• **STUDY MATERIAL**:
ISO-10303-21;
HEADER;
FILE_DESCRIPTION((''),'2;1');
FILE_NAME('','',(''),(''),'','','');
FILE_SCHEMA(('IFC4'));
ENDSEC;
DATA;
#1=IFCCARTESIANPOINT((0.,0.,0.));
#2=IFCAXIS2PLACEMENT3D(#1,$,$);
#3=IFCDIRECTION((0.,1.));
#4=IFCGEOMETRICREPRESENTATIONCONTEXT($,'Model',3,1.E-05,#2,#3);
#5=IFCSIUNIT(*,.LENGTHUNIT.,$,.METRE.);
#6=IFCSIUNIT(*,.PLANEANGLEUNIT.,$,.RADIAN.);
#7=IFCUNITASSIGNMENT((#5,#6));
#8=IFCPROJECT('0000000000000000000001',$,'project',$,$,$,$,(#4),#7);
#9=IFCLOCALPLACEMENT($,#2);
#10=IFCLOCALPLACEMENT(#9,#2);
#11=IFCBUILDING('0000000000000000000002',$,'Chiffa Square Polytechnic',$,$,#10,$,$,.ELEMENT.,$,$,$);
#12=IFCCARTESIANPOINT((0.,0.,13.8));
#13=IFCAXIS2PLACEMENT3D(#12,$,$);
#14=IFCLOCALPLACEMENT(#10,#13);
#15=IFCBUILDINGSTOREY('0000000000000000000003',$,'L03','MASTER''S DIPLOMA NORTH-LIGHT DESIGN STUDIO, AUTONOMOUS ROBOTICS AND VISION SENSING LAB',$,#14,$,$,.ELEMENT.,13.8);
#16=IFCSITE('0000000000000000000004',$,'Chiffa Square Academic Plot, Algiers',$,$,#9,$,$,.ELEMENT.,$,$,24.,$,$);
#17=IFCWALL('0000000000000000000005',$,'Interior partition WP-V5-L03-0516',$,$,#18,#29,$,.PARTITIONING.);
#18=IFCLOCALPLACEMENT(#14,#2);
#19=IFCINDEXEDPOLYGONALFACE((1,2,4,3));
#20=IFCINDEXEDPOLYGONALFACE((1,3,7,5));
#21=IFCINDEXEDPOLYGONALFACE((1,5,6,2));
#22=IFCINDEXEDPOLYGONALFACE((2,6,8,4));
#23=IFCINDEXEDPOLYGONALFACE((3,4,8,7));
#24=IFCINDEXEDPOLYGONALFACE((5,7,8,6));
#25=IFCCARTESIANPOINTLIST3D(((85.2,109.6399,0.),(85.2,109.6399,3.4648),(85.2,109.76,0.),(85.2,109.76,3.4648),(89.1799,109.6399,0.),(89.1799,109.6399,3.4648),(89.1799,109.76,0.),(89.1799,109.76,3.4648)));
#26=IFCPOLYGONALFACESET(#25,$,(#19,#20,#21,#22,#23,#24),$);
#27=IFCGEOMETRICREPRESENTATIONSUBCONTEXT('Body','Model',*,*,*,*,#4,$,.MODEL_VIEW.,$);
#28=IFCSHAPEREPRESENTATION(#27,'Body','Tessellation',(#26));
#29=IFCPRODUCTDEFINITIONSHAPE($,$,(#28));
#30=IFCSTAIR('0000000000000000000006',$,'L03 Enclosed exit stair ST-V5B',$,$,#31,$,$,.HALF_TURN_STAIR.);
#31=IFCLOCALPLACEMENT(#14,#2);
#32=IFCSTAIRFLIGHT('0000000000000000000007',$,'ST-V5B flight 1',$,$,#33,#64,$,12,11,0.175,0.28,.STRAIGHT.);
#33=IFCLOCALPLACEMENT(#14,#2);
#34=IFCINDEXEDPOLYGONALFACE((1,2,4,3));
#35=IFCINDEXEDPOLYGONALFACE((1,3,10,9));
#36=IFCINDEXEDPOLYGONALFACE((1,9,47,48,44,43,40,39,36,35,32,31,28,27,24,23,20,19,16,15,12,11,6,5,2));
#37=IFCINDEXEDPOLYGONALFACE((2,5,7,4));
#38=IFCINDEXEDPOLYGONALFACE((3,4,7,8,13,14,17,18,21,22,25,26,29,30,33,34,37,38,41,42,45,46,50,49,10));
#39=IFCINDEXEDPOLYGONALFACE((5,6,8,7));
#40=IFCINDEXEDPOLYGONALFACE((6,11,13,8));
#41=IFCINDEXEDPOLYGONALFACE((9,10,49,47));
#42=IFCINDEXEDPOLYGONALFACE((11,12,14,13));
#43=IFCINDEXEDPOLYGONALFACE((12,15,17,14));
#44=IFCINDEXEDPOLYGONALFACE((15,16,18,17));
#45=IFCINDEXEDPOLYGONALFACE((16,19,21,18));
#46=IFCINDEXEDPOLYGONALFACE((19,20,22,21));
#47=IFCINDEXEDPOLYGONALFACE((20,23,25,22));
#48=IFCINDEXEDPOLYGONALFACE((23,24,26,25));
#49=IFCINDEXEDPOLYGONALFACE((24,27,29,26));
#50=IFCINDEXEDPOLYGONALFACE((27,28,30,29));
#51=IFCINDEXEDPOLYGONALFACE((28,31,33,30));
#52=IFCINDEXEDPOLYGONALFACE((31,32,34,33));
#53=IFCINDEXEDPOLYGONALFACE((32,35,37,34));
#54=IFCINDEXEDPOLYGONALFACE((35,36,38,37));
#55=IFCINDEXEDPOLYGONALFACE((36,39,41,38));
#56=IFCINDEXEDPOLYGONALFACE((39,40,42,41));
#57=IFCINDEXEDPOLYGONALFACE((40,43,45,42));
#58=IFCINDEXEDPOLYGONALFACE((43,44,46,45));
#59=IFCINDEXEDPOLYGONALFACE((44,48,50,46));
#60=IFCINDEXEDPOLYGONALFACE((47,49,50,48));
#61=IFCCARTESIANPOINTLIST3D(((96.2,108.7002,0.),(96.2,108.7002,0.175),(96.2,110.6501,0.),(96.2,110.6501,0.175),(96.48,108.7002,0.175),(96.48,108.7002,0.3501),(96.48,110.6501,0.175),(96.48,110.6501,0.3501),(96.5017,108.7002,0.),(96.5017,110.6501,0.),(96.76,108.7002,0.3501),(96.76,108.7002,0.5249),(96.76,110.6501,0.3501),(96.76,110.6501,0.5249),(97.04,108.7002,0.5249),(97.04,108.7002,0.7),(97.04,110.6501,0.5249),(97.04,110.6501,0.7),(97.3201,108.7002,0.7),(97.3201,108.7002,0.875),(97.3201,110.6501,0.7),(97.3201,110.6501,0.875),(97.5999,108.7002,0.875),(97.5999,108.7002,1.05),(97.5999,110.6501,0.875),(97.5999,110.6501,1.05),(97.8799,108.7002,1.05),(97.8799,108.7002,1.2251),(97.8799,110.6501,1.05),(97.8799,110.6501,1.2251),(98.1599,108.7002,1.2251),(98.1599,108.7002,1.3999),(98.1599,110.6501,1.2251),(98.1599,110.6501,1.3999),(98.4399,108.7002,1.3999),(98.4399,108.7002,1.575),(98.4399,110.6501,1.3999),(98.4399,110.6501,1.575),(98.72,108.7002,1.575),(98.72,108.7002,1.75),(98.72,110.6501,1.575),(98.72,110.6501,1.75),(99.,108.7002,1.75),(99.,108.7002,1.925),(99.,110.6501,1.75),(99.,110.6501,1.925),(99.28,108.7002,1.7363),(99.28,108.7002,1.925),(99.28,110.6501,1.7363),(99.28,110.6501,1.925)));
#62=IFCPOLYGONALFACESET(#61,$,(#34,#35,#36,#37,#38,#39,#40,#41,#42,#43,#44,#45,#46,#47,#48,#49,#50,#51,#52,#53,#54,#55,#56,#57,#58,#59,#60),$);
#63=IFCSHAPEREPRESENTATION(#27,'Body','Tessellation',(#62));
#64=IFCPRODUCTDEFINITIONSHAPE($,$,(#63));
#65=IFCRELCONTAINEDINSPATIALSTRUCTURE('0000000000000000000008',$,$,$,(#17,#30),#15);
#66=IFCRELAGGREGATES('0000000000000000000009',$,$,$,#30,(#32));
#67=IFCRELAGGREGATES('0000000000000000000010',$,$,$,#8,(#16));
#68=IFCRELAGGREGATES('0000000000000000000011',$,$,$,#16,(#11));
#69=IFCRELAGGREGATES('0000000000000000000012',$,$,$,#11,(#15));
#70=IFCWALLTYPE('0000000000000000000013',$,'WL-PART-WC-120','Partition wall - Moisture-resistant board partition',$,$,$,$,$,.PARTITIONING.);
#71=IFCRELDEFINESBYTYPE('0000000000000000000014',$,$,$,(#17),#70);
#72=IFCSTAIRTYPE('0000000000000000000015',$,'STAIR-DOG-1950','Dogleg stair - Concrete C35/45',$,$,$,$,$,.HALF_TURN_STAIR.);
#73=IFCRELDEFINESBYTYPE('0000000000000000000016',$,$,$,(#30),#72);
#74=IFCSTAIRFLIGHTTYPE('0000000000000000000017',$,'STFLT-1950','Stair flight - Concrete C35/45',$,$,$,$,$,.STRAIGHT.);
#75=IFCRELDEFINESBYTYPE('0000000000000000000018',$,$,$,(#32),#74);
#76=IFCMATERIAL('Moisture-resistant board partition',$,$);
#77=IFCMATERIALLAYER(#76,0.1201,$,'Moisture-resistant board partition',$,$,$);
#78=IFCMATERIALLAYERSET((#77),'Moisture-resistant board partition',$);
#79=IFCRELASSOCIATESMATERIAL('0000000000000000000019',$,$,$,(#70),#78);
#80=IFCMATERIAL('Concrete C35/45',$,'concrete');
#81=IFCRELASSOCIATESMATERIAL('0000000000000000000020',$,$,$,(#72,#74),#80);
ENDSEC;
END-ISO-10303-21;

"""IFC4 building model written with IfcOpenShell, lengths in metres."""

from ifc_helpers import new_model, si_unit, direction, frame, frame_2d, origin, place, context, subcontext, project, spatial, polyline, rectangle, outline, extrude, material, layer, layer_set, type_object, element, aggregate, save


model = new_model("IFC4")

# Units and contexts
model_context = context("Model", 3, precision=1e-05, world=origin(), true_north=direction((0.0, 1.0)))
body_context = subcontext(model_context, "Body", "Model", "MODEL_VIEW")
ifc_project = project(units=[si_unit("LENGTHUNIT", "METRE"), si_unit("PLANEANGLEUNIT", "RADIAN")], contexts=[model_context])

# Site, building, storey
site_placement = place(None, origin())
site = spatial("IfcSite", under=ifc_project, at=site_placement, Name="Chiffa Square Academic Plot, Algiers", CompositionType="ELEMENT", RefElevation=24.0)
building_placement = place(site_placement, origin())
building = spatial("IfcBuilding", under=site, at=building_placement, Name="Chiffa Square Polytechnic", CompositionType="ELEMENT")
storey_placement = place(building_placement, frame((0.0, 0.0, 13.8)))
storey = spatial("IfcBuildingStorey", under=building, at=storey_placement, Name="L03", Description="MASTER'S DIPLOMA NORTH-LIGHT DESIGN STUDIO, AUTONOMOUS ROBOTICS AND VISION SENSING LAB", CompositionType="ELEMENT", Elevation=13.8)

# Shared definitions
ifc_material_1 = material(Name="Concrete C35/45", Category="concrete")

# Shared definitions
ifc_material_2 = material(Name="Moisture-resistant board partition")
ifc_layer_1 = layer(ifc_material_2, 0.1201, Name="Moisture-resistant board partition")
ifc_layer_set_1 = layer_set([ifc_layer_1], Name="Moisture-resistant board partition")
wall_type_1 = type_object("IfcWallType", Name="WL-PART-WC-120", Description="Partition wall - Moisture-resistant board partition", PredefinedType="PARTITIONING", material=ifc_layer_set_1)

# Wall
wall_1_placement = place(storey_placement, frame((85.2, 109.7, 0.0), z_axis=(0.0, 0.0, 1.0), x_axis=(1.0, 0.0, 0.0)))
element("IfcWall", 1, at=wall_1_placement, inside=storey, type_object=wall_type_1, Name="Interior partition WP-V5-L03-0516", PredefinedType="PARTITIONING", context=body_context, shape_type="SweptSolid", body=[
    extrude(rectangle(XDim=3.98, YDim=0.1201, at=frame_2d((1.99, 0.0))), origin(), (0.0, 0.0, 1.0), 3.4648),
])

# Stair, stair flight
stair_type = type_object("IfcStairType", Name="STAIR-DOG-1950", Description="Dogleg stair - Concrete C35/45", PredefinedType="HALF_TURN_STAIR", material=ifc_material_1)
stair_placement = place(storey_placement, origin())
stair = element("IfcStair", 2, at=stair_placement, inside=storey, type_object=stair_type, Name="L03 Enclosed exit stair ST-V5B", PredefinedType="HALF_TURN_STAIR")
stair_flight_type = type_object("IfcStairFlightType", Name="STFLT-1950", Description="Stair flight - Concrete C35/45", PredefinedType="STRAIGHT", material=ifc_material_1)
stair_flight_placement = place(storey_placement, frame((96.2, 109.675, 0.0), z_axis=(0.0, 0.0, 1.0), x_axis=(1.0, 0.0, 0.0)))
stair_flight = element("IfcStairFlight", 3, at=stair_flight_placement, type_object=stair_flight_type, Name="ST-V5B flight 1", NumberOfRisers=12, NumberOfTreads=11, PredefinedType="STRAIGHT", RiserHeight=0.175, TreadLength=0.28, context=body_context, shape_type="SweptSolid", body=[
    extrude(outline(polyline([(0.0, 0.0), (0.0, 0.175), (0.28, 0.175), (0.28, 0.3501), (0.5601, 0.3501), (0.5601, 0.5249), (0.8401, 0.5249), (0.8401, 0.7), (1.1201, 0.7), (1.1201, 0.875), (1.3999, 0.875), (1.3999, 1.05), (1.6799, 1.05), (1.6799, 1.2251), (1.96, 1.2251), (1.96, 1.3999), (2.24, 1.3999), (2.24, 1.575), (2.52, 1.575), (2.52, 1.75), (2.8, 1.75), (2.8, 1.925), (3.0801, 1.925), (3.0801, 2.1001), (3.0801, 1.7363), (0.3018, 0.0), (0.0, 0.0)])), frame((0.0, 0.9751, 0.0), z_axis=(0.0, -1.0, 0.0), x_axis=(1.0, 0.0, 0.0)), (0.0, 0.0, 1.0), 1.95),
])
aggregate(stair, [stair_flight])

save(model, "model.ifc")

--

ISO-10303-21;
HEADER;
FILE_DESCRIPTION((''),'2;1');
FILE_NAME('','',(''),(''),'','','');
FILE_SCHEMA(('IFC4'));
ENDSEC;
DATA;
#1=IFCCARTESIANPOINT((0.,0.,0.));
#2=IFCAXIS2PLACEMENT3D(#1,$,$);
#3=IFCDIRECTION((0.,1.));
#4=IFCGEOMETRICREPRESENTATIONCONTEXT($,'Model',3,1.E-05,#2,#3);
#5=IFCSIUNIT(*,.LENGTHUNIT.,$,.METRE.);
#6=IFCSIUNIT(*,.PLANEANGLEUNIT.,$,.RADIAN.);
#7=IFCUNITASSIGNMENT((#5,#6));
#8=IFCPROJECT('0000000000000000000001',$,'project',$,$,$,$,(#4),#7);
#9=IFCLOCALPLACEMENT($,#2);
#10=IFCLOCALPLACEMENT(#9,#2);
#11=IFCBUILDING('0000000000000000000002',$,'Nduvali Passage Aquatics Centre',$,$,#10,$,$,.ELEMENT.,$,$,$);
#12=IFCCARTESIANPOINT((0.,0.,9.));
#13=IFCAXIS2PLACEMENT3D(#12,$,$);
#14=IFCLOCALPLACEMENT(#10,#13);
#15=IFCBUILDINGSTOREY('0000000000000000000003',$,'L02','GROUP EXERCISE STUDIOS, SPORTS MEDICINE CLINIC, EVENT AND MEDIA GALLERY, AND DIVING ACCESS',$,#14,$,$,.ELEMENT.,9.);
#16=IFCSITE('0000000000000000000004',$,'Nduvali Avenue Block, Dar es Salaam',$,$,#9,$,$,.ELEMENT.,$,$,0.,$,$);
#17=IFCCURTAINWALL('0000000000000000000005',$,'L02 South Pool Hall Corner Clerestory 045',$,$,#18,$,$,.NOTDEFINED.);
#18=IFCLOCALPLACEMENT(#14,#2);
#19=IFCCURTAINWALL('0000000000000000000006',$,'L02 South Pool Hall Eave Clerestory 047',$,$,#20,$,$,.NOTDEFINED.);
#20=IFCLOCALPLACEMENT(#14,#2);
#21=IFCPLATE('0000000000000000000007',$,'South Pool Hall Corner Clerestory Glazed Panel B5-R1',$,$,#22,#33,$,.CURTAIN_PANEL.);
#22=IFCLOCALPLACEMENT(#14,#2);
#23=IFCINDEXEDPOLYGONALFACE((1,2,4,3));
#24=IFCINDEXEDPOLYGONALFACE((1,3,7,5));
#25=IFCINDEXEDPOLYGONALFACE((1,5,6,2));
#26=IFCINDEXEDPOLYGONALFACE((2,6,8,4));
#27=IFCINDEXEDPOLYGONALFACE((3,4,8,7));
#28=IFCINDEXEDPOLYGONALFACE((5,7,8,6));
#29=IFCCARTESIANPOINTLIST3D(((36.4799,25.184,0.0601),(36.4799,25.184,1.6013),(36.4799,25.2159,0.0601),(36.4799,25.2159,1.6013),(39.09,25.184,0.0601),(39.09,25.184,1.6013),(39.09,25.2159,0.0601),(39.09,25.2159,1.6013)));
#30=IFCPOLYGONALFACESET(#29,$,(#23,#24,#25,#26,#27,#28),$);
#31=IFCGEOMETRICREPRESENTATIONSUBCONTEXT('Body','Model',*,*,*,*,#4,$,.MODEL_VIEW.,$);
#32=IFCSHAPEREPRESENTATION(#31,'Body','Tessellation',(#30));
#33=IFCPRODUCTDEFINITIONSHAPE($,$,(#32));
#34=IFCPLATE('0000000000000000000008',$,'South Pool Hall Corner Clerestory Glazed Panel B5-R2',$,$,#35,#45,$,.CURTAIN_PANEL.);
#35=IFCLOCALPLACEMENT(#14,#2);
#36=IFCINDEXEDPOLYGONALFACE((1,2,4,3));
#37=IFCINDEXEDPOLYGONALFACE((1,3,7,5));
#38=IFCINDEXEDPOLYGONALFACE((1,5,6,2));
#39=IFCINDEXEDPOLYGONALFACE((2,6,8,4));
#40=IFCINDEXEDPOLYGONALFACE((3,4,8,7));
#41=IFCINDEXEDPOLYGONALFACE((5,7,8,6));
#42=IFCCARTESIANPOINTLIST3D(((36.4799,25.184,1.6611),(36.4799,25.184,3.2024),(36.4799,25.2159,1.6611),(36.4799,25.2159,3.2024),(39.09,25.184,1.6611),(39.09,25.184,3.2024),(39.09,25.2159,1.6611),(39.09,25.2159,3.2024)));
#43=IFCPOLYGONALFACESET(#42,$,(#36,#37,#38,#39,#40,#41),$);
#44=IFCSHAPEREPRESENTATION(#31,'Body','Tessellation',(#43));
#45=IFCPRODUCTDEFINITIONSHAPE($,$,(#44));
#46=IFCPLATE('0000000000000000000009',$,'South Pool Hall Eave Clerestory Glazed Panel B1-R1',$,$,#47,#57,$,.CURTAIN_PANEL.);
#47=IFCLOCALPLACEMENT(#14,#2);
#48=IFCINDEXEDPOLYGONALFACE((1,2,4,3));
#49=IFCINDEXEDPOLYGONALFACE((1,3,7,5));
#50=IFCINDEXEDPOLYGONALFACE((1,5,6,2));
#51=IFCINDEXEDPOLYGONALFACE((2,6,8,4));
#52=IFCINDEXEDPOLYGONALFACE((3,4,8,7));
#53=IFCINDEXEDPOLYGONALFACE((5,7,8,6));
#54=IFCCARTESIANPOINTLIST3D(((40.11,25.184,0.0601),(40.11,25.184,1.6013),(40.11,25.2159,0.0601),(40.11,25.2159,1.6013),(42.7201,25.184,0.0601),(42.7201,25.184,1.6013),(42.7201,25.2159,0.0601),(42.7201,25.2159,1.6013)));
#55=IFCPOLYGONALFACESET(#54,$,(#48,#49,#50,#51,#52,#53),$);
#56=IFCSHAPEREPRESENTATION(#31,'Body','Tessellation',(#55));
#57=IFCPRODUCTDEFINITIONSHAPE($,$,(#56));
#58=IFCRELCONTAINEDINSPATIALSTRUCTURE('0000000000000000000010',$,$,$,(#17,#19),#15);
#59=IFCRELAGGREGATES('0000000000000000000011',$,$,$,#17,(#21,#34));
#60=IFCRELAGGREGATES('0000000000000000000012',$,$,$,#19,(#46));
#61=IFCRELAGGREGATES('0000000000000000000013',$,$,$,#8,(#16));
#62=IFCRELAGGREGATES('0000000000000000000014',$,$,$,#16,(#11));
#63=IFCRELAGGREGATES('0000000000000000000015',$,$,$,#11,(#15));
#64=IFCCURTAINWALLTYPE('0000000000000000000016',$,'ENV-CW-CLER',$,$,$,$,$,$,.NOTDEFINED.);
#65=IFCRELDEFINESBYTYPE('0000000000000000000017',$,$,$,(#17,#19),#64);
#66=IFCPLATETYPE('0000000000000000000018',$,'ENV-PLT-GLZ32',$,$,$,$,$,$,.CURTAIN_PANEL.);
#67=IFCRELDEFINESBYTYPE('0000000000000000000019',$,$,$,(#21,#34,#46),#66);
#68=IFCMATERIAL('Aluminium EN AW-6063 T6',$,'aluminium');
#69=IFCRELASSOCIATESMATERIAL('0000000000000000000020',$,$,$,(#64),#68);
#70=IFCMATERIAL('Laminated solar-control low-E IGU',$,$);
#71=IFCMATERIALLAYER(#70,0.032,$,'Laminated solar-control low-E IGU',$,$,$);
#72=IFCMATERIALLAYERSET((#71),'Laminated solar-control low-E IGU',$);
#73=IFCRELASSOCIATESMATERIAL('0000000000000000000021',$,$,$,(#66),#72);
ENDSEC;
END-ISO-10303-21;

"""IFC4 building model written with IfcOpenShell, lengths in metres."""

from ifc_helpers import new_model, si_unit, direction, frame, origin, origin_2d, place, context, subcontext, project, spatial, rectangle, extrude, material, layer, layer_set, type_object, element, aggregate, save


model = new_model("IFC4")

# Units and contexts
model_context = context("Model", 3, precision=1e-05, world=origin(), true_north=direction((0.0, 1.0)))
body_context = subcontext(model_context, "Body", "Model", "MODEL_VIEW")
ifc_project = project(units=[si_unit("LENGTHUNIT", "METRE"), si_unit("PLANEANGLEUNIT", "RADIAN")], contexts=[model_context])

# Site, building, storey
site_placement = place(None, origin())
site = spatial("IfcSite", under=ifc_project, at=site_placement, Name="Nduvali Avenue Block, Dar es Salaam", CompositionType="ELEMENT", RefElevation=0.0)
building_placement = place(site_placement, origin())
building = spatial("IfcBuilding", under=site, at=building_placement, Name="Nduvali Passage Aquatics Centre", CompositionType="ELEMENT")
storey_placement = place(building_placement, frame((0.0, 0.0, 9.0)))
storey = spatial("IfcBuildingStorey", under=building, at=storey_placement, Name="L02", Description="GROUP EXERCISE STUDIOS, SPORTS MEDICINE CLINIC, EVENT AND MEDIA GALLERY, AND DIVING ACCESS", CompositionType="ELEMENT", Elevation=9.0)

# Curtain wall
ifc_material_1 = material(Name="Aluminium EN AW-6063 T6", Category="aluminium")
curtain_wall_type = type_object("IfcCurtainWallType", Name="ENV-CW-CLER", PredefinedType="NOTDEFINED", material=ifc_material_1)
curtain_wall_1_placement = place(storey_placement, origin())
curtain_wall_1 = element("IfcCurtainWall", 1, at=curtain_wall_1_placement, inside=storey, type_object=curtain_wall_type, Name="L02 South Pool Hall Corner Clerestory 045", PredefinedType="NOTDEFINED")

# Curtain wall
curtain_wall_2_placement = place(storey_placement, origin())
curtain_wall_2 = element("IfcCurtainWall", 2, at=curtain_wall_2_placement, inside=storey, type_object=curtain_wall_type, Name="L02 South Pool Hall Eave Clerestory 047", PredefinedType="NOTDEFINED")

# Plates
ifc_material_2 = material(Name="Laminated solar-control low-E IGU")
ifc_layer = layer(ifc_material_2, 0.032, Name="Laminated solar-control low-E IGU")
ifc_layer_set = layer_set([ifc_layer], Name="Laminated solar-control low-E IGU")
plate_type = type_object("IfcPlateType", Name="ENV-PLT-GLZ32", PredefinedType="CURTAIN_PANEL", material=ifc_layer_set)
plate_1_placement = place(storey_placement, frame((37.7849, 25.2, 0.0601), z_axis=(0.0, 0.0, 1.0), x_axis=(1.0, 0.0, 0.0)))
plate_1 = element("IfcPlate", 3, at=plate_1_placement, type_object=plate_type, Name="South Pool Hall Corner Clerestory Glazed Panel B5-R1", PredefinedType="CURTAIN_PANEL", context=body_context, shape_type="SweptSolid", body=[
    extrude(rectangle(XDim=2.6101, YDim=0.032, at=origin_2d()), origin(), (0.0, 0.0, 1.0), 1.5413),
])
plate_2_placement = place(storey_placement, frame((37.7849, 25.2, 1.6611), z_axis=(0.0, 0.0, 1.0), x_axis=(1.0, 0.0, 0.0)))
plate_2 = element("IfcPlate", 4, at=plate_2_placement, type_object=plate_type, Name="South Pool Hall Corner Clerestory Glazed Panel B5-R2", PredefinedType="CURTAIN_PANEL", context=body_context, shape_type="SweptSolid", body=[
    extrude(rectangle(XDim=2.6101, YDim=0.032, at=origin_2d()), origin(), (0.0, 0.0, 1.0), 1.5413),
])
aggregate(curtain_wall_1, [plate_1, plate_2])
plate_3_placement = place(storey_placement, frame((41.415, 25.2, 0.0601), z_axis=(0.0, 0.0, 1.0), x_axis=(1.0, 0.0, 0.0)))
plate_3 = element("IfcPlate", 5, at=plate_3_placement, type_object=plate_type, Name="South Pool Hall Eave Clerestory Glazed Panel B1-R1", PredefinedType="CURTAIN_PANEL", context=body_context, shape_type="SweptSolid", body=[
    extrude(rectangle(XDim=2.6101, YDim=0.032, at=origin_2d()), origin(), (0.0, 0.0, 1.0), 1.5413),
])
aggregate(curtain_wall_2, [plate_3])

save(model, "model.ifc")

• **WORK REQUEST**:
Beginning at the line with "#20=IFCLOCALPLACEMENT(#14,#2);" and stopping after the line with "#23=IFCINDEXEDPOLYGONALFACE((1,2,4,3));", please write out every line of the data above exactly and nothing else.

• **EXERCISE OUTPUT**:
#20=IFCLOCALPLACEMENT(#14,#2);
#21=IFCPLATE('0000000000000000000007',$,'South Pool Hall Corner Clerestory Glazed Panel B5-R1',$,$,#22,#33,$,.CURTAIN_PANEL.);
#22=IFCLOCALPLACEMENT(#14,#2);
#23=IFCINDEXEDPOLYGONALFACE((1,2,4,3));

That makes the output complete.